▶ _Exercise input_

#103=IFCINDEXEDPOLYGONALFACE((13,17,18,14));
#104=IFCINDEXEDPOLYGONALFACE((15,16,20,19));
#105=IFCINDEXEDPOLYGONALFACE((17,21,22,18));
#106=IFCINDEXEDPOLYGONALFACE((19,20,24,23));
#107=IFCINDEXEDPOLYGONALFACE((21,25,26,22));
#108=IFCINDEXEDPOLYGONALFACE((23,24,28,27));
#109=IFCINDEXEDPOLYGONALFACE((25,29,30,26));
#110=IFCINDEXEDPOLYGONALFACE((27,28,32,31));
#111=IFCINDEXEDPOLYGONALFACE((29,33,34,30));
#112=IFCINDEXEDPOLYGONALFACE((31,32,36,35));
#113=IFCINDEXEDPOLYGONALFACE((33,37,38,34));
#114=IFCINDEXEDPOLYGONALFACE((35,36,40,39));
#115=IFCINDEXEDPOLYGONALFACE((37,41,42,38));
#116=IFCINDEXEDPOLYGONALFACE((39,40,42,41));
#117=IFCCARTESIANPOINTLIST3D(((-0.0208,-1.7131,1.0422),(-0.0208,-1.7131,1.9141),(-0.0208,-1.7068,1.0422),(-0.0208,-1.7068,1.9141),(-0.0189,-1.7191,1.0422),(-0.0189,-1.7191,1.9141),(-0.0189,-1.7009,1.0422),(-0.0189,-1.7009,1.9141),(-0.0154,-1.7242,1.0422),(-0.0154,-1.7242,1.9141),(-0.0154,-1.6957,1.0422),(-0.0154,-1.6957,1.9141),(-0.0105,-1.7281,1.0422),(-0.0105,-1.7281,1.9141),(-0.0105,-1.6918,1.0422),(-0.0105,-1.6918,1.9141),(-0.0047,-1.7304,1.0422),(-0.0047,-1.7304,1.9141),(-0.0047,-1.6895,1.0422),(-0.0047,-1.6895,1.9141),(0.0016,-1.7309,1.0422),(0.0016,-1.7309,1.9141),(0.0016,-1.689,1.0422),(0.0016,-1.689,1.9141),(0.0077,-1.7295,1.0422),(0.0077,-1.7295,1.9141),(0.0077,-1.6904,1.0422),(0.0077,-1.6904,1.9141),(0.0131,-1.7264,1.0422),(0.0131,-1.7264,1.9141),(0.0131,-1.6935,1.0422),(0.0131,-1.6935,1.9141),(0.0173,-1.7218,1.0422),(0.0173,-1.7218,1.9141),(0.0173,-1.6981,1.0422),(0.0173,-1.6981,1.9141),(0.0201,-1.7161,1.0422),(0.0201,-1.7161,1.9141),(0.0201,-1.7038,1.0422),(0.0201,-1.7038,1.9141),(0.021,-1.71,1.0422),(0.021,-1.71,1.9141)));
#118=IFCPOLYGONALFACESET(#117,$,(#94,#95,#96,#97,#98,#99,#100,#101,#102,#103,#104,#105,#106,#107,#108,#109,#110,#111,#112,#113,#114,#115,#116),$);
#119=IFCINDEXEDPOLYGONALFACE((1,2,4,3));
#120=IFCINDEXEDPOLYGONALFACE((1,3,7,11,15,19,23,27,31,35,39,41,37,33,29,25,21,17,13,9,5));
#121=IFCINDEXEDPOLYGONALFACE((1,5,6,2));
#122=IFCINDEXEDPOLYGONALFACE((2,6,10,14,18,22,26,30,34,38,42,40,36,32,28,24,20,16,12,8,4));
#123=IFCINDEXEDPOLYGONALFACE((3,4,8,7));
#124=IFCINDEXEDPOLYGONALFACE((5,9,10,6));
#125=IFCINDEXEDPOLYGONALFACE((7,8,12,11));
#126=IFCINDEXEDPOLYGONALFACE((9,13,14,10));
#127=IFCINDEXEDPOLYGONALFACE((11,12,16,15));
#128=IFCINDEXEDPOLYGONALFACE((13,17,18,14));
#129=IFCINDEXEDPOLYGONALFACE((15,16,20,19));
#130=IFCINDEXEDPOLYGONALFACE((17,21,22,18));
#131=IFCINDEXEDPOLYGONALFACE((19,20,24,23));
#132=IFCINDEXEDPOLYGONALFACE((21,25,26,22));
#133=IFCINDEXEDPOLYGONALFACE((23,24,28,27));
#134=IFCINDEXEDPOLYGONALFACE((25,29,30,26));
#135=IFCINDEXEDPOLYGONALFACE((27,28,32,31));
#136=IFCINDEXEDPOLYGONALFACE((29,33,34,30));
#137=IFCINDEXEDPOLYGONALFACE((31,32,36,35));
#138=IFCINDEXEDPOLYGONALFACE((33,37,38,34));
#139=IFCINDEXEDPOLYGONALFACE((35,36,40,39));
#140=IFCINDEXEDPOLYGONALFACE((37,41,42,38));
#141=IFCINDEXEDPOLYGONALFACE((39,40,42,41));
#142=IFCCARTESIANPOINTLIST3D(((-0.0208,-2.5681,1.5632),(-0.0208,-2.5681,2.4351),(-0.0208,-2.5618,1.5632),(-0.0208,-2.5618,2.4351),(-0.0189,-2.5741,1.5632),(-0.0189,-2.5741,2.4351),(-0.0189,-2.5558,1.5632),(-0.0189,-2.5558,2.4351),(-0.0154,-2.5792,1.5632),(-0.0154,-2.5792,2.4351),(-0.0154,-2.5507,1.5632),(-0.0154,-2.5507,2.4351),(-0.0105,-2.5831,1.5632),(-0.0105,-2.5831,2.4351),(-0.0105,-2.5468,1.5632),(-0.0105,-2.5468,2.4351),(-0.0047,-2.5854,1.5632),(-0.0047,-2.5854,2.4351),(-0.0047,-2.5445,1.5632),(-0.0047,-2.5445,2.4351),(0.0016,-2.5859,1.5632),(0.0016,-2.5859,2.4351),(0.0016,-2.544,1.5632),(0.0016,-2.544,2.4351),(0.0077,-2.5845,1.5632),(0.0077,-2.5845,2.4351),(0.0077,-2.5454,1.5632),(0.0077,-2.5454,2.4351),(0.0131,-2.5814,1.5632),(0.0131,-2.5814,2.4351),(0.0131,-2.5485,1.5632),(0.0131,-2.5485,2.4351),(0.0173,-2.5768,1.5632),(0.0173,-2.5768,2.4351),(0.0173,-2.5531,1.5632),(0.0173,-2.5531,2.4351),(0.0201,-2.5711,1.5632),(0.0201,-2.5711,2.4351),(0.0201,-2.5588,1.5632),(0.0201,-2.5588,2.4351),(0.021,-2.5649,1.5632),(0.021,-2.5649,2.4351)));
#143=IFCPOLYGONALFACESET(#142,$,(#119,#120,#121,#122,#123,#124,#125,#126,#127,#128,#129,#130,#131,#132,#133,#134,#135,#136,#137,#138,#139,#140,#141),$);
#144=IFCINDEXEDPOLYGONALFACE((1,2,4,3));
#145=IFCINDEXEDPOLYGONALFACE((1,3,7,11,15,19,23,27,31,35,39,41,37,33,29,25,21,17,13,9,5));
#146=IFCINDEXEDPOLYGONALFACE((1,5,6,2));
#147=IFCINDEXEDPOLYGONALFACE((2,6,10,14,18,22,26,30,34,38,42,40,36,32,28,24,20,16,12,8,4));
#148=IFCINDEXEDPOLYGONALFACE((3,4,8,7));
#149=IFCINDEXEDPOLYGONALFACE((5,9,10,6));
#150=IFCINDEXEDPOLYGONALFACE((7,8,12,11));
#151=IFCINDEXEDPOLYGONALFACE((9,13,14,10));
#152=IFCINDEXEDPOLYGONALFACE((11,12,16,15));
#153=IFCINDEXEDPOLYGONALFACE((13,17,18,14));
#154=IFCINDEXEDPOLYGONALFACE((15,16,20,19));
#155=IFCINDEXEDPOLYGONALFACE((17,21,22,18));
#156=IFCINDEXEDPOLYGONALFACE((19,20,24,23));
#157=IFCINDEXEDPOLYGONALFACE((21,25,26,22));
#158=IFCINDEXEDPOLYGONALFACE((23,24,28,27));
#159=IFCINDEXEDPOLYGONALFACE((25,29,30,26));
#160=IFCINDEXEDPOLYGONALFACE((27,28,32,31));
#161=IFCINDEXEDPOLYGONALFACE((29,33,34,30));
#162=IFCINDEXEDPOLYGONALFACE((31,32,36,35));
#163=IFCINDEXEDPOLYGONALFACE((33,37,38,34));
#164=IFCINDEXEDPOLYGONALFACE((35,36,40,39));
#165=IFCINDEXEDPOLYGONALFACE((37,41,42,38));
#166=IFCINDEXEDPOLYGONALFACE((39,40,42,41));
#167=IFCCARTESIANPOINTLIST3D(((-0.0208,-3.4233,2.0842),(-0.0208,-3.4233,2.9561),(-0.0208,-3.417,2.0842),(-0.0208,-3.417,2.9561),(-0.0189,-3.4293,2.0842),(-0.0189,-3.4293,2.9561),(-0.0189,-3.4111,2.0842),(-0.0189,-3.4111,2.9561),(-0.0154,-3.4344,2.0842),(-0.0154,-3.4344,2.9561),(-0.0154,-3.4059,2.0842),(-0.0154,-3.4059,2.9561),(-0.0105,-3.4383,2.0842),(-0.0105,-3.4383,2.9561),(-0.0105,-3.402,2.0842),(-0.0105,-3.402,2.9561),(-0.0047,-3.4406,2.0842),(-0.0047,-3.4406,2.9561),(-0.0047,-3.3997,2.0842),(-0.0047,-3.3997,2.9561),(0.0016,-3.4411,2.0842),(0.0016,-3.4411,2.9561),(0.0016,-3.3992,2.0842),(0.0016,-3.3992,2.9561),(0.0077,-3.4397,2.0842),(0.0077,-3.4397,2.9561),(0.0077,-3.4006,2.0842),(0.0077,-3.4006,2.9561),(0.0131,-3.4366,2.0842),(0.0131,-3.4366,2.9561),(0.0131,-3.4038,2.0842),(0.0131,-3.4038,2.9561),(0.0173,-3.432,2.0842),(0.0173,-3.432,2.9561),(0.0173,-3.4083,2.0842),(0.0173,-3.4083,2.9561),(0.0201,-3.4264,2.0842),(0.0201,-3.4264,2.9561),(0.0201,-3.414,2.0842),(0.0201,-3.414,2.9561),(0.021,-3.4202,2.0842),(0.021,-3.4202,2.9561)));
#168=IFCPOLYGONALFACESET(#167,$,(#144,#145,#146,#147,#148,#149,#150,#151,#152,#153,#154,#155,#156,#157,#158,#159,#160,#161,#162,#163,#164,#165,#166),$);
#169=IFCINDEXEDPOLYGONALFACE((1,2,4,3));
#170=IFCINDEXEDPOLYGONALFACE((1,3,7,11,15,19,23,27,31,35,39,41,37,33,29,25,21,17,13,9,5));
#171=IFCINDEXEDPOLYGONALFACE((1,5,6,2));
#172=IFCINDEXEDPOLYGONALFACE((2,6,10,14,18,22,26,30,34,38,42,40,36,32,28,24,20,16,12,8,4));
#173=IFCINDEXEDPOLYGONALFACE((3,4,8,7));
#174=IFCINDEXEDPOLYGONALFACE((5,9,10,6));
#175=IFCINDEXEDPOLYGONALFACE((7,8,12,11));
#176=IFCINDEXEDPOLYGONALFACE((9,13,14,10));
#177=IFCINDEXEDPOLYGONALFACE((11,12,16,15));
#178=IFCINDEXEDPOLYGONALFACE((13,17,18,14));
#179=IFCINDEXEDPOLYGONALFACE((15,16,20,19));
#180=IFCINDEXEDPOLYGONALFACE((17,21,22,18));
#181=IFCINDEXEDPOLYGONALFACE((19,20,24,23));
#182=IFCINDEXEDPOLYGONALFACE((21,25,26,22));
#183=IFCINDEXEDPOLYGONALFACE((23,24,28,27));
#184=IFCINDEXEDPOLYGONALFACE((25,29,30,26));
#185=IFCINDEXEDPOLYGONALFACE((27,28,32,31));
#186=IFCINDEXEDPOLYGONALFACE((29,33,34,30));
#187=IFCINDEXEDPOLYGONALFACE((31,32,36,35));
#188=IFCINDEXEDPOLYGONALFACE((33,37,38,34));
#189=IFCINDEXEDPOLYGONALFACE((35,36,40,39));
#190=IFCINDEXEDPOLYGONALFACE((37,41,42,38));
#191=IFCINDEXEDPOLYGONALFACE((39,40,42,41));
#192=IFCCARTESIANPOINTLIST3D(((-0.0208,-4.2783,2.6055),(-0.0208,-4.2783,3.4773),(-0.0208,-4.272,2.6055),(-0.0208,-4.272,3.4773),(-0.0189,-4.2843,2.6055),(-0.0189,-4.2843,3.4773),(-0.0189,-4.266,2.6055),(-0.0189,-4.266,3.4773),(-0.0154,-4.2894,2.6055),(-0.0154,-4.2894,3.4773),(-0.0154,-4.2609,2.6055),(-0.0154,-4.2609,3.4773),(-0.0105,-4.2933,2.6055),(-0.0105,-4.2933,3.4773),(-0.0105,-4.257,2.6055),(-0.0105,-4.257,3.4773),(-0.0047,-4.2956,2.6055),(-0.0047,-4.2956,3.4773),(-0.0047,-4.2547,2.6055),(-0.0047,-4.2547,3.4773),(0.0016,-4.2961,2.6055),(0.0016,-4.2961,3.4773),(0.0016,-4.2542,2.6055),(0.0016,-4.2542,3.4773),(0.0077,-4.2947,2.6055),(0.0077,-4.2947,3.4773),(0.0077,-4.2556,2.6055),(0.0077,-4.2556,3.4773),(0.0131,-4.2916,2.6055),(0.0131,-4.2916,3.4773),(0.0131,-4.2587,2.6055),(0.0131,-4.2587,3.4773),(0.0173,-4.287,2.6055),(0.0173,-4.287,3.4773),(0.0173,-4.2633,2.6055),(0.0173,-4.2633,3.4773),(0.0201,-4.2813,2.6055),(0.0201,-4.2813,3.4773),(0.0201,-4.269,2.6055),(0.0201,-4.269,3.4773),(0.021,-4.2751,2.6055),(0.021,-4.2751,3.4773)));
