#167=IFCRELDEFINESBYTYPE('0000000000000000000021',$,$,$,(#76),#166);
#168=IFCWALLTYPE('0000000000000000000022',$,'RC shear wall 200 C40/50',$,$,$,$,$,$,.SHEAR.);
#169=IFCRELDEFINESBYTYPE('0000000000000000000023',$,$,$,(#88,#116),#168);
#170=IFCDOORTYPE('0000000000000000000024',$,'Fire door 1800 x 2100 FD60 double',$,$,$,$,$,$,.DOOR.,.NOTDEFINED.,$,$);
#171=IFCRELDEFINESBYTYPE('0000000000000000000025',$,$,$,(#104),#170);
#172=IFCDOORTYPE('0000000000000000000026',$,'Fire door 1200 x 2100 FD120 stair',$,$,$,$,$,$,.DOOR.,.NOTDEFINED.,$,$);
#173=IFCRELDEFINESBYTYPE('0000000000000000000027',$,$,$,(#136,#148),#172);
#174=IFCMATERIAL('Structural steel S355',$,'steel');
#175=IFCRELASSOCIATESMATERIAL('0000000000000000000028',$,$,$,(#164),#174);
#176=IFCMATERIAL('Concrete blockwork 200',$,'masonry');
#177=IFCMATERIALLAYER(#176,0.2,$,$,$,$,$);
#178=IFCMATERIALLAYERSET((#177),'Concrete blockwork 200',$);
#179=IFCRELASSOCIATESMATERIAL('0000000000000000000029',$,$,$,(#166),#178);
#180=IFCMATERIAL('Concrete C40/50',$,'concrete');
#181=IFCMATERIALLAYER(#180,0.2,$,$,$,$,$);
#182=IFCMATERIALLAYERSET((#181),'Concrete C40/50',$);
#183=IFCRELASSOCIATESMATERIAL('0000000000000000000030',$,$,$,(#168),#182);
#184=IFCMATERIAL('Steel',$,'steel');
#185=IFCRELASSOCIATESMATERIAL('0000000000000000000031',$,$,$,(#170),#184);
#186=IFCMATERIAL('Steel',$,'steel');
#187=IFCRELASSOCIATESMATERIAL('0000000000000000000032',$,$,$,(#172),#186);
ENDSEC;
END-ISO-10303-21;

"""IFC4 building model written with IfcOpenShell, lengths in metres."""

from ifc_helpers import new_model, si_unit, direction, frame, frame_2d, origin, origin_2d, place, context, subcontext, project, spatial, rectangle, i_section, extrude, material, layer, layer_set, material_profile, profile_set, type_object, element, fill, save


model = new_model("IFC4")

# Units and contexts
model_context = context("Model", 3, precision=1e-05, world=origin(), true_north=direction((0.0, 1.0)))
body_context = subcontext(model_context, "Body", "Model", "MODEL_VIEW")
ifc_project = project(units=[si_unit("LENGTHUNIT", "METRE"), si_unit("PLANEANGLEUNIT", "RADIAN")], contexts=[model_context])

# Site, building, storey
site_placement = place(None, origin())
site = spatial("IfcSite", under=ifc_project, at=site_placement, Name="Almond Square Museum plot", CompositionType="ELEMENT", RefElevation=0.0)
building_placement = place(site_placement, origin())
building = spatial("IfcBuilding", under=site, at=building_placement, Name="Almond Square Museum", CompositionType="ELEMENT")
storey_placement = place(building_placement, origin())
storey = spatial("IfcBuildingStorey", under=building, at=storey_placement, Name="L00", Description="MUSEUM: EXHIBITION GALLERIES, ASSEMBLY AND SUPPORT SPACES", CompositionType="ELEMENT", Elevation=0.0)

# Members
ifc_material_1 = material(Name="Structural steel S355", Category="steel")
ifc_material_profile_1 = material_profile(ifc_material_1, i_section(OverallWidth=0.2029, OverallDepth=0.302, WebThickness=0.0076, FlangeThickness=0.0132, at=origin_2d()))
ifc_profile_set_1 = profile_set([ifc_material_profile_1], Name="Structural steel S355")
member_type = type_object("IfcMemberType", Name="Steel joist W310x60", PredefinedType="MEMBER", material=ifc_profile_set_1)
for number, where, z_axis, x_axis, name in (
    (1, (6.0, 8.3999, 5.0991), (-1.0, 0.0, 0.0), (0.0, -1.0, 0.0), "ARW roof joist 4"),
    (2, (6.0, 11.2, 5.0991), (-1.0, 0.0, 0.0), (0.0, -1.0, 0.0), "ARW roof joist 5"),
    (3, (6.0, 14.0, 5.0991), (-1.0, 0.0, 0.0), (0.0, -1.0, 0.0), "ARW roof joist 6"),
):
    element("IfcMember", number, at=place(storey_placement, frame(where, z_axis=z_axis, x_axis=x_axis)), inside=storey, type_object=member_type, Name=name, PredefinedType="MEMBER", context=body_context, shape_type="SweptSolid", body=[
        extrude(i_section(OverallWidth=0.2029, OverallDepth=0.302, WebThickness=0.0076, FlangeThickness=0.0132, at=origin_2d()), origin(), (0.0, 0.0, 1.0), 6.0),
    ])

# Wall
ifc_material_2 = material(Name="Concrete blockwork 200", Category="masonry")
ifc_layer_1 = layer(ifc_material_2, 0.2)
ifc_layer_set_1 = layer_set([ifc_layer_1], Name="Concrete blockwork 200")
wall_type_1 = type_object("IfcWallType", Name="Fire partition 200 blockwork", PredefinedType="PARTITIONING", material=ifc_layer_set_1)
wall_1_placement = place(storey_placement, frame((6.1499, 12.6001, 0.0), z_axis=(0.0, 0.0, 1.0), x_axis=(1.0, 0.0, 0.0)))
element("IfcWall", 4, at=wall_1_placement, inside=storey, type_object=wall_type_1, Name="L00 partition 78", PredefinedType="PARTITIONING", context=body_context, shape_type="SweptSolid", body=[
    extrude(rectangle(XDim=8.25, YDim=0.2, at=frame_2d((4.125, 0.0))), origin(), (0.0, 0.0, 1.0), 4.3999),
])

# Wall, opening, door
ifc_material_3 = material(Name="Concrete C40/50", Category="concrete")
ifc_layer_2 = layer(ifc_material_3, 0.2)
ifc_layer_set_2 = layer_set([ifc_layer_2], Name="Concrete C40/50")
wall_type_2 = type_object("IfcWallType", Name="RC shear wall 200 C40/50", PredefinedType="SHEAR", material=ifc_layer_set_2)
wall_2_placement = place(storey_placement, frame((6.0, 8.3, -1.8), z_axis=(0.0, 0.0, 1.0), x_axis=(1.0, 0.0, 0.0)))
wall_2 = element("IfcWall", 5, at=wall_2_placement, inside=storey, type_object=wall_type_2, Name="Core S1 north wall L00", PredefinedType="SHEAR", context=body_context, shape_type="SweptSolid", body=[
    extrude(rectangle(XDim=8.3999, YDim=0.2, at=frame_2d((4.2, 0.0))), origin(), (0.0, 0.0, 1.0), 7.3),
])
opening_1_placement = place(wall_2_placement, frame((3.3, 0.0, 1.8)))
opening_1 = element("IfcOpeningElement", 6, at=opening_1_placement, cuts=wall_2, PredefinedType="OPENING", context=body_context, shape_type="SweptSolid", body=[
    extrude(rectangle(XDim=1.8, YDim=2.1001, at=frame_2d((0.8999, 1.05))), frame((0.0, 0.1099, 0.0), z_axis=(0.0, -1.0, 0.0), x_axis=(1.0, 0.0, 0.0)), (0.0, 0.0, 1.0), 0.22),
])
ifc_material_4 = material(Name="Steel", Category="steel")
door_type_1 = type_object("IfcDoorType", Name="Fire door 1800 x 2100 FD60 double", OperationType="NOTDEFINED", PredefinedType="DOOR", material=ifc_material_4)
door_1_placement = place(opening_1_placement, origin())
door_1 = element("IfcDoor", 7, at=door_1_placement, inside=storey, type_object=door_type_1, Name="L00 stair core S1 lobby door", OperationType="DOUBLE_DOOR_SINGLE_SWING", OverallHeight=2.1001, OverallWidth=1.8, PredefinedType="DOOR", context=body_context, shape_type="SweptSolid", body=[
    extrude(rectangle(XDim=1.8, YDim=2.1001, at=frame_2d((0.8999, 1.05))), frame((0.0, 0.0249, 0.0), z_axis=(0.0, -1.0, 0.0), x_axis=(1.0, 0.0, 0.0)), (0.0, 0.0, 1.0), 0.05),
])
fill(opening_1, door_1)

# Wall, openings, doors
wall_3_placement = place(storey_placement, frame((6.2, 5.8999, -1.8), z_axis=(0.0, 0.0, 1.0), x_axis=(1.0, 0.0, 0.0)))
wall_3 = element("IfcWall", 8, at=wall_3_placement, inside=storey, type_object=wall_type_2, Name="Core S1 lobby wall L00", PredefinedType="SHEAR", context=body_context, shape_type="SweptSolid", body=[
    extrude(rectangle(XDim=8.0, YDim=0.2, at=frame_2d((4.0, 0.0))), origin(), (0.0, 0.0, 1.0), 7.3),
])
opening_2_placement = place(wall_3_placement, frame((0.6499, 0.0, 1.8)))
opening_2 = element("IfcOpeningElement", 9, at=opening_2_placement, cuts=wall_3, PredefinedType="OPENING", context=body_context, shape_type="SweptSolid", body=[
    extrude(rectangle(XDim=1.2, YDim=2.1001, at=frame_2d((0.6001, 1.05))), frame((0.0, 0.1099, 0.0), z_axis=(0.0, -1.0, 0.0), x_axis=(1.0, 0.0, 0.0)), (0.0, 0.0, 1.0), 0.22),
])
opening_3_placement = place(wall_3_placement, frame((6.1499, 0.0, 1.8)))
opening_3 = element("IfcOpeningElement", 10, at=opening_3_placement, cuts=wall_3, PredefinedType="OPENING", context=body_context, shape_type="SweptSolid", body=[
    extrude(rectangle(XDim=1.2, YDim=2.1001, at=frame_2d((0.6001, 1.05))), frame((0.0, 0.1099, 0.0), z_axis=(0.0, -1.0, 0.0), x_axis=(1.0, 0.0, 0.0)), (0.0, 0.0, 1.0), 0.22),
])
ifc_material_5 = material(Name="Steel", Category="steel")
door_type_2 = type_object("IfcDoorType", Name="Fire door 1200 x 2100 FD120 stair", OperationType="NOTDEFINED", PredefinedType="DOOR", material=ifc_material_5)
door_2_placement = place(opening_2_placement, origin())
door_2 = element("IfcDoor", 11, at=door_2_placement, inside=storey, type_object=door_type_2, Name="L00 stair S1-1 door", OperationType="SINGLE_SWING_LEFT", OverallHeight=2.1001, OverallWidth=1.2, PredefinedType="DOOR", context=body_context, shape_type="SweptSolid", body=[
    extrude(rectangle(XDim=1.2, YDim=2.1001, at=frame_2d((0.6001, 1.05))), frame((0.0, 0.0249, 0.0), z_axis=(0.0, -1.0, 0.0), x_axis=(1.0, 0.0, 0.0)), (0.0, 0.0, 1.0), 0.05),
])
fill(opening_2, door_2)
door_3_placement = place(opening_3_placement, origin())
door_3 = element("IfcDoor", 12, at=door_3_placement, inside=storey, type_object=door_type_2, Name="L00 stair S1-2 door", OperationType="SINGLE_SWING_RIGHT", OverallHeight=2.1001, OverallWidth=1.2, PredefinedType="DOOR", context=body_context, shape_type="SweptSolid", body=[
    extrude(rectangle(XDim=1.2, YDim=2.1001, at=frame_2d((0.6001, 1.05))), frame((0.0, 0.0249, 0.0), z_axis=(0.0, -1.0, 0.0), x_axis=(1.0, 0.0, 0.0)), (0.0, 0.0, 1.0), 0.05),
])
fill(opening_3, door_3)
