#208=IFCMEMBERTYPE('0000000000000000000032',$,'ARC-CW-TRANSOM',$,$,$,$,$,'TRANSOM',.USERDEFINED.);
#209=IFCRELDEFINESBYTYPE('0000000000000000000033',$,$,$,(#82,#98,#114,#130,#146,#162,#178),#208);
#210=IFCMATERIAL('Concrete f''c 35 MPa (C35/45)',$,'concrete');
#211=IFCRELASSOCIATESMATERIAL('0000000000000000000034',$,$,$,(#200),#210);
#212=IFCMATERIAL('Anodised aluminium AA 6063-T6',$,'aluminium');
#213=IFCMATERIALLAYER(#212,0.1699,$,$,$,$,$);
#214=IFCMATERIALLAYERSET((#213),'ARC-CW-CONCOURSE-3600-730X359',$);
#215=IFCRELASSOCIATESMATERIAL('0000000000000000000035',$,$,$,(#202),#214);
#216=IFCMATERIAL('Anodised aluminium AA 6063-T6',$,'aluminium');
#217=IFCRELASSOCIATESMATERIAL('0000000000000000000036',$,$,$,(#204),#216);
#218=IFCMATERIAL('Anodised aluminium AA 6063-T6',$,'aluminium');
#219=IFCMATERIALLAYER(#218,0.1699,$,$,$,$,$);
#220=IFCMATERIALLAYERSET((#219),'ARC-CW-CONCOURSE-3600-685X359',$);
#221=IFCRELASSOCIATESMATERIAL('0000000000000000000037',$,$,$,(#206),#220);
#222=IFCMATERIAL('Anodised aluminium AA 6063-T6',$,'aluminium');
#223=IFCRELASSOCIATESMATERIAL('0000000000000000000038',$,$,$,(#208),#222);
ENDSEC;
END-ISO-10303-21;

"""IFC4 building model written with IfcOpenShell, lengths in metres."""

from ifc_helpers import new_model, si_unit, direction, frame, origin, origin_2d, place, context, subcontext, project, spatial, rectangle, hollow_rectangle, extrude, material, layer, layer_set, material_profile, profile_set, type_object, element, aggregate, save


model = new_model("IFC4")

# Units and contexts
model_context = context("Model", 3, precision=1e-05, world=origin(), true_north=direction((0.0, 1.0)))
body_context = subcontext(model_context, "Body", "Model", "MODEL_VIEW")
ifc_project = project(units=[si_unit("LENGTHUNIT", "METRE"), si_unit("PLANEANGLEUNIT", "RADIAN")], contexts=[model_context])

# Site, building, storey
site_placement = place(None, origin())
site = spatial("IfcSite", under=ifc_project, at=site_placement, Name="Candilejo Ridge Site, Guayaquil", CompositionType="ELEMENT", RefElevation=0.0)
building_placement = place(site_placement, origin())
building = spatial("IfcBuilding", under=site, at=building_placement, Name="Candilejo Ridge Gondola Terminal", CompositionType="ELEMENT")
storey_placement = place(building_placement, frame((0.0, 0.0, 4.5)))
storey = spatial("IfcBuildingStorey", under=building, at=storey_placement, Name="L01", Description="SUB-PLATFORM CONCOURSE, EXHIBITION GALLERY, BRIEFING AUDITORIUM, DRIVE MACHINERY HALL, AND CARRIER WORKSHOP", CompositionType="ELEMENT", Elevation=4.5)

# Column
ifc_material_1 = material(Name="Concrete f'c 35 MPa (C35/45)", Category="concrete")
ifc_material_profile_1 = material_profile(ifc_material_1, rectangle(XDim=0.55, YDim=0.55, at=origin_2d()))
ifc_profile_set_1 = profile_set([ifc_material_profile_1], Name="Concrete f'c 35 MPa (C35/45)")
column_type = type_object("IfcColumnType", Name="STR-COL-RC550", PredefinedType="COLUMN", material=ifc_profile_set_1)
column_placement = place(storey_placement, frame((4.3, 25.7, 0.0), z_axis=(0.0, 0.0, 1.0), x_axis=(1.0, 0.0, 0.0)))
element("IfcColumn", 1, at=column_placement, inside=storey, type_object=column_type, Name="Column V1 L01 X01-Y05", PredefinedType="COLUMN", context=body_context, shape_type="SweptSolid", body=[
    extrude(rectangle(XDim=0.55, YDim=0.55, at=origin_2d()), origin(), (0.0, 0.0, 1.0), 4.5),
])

▶ _Work to be completed_
The lines of the data, from the first through the one containing "#108=IFCINDEXEDPOLYGONALFACE((23,24,28,27));", are to be transcribed exactly.

▶ _Answer space_
#103=IFCINDEXEDPOLYGONALFACE((13,17,18,14));
#104=IFCINDEXEDPOLYGONALFACE((15,16,20,19));
#105=IFCINDEXEDPOLYGONALFACE((17,21,22,18));
#106=IFCINDEXEDPOLYGONALFACE((19,20,24,23));
#107=IFCINDEXEDPOLYGONALFACE((21,25,26,22));
#108=IFCINDEXEDPOLYGONALFACE((23,24,28,27));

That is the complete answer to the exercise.